Task directions:
Transcribe the listing below only from the line with "#165=IFCRELAGGREGATES('0000000000000000000008',$,$,$,#8,(#16));" up to and including the line with "#168=IFCCOLUMNTYPE('0000000000000000000011',$,'XC Exo column".

The data:
--- --- ---
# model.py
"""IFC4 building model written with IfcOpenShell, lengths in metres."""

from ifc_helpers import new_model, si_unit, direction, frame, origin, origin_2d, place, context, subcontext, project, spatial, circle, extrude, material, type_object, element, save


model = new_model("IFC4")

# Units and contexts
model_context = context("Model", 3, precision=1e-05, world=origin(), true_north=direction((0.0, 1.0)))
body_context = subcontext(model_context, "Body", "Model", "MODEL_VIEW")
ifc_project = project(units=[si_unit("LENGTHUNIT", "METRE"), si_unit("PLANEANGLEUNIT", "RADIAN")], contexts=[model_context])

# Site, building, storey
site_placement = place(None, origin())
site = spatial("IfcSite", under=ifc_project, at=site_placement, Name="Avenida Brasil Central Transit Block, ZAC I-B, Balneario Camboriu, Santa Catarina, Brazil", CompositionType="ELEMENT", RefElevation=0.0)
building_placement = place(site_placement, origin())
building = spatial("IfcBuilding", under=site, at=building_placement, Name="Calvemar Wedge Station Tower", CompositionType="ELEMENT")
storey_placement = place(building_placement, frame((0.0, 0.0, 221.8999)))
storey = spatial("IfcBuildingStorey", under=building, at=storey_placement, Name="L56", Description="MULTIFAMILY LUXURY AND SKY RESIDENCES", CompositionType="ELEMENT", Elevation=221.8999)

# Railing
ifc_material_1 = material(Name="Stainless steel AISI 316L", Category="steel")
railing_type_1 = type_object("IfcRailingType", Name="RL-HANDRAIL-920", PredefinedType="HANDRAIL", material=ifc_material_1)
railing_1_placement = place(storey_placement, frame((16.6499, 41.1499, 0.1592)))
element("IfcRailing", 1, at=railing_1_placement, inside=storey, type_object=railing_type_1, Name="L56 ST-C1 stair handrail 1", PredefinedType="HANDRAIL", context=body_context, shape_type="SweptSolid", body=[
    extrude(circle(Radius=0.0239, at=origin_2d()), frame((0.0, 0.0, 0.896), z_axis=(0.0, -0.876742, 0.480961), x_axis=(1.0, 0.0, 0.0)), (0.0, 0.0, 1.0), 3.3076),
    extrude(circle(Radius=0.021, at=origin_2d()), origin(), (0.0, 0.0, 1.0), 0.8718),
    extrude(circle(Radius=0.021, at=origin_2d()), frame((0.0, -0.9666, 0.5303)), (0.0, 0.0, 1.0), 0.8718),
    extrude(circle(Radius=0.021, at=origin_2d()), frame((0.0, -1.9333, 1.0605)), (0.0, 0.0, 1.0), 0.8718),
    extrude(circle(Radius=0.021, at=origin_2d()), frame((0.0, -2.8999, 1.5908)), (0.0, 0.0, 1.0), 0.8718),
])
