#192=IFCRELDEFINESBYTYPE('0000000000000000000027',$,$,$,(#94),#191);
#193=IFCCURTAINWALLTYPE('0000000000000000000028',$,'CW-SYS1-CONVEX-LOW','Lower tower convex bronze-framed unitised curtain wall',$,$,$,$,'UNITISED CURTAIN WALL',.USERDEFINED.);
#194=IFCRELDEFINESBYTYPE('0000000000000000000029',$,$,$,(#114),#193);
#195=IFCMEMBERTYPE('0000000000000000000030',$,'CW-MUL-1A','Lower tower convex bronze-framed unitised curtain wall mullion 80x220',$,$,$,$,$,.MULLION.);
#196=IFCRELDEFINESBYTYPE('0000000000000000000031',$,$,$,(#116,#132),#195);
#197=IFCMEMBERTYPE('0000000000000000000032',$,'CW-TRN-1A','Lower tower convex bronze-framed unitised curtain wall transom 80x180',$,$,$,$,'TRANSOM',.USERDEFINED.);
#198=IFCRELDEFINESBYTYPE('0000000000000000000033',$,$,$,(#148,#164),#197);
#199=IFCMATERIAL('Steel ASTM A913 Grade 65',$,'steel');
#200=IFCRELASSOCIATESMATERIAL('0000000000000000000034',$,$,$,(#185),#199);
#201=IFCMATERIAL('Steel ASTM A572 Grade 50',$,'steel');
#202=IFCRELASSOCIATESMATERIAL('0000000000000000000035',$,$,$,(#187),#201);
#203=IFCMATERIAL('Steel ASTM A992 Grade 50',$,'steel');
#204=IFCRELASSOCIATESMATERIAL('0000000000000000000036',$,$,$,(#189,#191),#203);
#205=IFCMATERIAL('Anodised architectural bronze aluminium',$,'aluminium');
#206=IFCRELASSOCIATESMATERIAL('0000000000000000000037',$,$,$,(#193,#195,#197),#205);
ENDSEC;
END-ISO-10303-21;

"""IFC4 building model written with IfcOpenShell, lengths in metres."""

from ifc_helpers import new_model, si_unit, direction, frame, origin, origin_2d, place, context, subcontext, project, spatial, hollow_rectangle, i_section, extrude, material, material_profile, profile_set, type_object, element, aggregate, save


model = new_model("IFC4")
--- --- ---
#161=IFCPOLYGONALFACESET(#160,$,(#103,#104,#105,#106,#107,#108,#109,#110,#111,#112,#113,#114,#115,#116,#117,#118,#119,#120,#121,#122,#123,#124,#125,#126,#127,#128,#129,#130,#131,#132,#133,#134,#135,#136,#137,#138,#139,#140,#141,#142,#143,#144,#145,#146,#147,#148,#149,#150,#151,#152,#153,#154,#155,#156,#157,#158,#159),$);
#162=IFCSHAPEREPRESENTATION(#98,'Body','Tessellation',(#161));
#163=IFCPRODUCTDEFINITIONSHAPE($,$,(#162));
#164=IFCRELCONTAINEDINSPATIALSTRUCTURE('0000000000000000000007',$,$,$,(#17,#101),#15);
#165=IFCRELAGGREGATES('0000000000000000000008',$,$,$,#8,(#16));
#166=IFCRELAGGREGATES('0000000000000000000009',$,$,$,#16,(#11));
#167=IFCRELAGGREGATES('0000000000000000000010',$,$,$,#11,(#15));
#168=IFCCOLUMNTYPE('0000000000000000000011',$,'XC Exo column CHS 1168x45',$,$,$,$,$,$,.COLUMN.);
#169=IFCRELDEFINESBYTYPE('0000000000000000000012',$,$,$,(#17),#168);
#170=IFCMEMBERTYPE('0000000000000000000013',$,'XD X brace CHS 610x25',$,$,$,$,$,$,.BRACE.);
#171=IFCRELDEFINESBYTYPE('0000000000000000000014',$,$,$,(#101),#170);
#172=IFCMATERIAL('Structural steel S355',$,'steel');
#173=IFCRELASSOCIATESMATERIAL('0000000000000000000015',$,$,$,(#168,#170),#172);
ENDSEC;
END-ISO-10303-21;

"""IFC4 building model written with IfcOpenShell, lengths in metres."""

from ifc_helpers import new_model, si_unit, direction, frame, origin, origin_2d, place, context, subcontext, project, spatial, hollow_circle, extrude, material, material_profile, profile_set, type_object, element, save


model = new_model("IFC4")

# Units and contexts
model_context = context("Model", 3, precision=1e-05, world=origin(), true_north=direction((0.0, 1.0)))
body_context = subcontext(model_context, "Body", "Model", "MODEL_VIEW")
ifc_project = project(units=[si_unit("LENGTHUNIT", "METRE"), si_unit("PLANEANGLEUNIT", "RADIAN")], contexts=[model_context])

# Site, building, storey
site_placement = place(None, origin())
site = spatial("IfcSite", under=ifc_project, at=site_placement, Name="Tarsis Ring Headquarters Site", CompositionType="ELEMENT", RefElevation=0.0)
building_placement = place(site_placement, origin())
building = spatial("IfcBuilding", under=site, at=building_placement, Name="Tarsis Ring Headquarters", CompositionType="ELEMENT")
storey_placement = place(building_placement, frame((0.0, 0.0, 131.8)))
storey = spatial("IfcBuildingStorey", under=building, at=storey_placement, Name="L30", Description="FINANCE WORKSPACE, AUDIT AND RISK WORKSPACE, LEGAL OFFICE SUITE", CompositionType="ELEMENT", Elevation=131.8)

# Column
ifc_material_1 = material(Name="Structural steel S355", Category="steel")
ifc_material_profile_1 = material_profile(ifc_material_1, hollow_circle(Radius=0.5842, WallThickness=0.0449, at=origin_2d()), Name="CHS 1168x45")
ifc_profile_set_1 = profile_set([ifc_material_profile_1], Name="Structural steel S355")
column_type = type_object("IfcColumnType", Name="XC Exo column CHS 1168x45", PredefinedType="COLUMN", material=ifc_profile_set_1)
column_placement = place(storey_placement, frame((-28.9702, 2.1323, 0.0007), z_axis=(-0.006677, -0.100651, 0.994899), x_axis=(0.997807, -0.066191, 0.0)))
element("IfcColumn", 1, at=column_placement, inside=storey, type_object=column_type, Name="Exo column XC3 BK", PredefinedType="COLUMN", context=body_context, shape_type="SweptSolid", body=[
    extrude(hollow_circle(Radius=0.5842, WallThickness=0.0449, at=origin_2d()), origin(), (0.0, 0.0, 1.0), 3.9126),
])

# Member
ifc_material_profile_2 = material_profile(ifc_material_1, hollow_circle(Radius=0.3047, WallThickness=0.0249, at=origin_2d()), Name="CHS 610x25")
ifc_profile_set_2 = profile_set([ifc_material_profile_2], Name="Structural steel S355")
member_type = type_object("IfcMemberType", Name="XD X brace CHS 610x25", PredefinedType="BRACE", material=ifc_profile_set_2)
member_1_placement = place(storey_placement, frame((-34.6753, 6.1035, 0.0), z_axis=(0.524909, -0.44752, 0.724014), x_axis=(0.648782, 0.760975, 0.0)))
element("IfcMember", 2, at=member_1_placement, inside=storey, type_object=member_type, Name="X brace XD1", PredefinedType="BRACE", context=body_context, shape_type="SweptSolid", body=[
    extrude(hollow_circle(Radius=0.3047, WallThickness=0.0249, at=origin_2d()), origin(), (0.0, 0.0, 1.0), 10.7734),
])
--- --- ---
Final answer:
#165=IFCRELAGGREGATES('0000000000000000000008',$,$,$,#8,(#16));
#166=IFCRELAGGREGATES('0000000000000000000009',$,$,$,#16,(#11));
#167=IFCRELAGGREGATES('0000000000000000000010',$,$,$,#11,(#15));
#168=IFCCOLUMNTYPE('0000000000000000000011',$,'XC Exo column CHS 1168x45',$,$,$,$,$,$,.COLUMN.);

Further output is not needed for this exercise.